## PROBLEM TO WORK ON
Show all lines from the records below in which the string "inside" is present.

===== EXCERPTED RECORDS

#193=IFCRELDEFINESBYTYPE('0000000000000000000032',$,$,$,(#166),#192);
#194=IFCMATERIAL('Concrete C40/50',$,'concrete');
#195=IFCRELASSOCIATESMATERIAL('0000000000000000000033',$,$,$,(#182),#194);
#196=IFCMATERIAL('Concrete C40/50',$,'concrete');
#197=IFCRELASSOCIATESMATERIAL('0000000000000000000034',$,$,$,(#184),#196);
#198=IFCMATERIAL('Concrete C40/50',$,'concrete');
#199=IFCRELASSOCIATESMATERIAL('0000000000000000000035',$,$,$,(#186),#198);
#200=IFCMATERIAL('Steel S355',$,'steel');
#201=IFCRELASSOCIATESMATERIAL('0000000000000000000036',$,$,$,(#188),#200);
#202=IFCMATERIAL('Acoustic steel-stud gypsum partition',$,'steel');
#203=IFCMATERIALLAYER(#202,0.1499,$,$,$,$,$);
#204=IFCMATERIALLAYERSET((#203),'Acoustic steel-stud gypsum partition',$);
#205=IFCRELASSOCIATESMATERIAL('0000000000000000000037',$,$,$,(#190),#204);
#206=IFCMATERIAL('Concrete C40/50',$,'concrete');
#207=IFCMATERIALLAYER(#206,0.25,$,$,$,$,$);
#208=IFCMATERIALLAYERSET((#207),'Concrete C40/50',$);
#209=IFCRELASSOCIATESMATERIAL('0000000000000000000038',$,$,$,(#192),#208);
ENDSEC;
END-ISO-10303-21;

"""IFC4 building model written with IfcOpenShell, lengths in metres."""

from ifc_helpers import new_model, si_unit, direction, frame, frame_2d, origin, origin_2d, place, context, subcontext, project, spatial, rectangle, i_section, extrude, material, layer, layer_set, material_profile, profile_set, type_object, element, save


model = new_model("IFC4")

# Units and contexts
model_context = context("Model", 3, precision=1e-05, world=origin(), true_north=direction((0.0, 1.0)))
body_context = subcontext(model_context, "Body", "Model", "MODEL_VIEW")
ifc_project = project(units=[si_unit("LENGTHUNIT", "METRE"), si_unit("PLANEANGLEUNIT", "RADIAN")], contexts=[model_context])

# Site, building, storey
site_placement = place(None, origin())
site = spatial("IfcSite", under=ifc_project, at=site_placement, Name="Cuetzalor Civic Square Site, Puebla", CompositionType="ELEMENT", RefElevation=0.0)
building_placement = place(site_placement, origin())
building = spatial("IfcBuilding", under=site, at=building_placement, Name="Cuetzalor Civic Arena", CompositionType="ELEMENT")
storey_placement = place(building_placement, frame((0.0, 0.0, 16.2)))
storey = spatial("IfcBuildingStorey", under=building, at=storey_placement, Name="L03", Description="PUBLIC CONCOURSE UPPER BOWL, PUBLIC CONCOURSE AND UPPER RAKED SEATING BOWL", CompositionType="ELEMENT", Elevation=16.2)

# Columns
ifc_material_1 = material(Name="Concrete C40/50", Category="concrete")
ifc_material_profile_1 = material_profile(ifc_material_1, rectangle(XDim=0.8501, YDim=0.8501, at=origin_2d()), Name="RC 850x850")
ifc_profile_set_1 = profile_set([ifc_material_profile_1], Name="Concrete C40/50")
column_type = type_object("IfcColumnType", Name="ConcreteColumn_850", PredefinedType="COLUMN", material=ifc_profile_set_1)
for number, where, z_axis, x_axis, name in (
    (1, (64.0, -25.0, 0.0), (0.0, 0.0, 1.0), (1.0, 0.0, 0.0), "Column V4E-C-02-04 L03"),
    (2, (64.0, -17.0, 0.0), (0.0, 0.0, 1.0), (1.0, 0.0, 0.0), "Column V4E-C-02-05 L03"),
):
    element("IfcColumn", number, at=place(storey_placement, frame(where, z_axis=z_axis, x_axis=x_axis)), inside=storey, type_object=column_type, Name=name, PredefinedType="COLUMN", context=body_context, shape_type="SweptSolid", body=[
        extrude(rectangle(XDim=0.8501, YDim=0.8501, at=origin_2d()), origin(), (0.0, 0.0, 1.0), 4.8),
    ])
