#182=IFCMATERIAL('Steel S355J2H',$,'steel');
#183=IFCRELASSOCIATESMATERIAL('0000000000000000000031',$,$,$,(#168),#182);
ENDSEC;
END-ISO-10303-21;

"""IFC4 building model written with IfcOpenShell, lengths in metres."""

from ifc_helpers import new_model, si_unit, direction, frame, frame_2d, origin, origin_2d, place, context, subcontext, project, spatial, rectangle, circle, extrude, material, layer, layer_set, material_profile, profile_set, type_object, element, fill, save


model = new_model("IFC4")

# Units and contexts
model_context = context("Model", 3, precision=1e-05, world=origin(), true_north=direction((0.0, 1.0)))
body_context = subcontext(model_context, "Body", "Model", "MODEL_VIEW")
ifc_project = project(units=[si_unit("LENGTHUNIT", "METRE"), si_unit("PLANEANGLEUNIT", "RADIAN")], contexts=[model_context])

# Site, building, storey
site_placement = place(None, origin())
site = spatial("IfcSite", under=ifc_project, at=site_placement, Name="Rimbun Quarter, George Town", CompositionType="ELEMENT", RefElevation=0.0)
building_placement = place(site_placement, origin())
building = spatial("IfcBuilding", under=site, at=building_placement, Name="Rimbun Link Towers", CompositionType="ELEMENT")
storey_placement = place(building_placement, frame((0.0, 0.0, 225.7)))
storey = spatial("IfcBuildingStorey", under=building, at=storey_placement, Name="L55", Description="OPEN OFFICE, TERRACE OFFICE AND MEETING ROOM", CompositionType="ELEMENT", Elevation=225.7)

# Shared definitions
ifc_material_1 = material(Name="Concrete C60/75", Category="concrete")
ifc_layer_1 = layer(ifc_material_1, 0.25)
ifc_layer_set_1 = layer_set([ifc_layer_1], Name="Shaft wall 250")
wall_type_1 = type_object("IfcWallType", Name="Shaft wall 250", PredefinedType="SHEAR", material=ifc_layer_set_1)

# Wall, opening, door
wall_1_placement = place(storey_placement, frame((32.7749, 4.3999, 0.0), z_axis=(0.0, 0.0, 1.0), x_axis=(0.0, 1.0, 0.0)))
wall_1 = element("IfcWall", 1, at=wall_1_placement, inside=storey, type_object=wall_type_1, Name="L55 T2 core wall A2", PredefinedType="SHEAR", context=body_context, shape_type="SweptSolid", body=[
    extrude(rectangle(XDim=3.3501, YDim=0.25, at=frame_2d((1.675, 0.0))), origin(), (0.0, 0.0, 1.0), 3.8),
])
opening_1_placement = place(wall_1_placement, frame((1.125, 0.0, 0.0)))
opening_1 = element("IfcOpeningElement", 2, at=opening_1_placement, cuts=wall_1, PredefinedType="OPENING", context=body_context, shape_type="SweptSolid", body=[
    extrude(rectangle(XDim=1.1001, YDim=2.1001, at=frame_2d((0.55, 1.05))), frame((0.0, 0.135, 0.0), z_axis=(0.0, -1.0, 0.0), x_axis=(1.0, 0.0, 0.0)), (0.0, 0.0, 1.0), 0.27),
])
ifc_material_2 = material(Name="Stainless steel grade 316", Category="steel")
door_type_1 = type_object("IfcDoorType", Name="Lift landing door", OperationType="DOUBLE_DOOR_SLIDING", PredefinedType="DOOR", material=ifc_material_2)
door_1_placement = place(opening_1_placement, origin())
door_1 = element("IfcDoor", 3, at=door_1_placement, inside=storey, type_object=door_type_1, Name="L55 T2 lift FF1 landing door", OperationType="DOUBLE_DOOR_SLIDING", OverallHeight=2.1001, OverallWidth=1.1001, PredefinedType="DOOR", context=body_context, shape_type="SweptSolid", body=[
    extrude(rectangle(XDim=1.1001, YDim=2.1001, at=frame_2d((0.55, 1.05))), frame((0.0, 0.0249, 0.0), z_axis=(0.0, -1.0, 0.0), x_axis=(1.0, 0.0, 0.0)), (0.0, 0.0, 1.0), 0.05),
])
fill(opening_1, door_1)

==========

## TASK ANSWER
    element("IfcColumn", number, at=place(storey_placement, frame(where, z_axis=z_axis, x_axis=x_axis)), inside=storey, type_object=column_type, Name=name, PredefinedType="COLUMN", context=body_context, shape_type="SweptSolid", body=[
wall_1 = element("IfcWall", 1, at=wall_1_placement, inside=storey, type_object=wall_type_1, Name="L55 T2 core wall A2", PredefinedType="SHEAR", context=body_context, shape_type="SweptSolid", body=[
door_1 = element("IfcDoor", 3, at=door_1_placement, inside=storey, type_object=door_type_1, Name="L55 T2 lift FF1 landing door", OperationType="DOUBLE_DOOR_SLIDING", OverallHeight=2.1001, OverallWidth=1.1001, PredefinedType="DOOR", context=body_context, shape_type="SweptSolid", body=[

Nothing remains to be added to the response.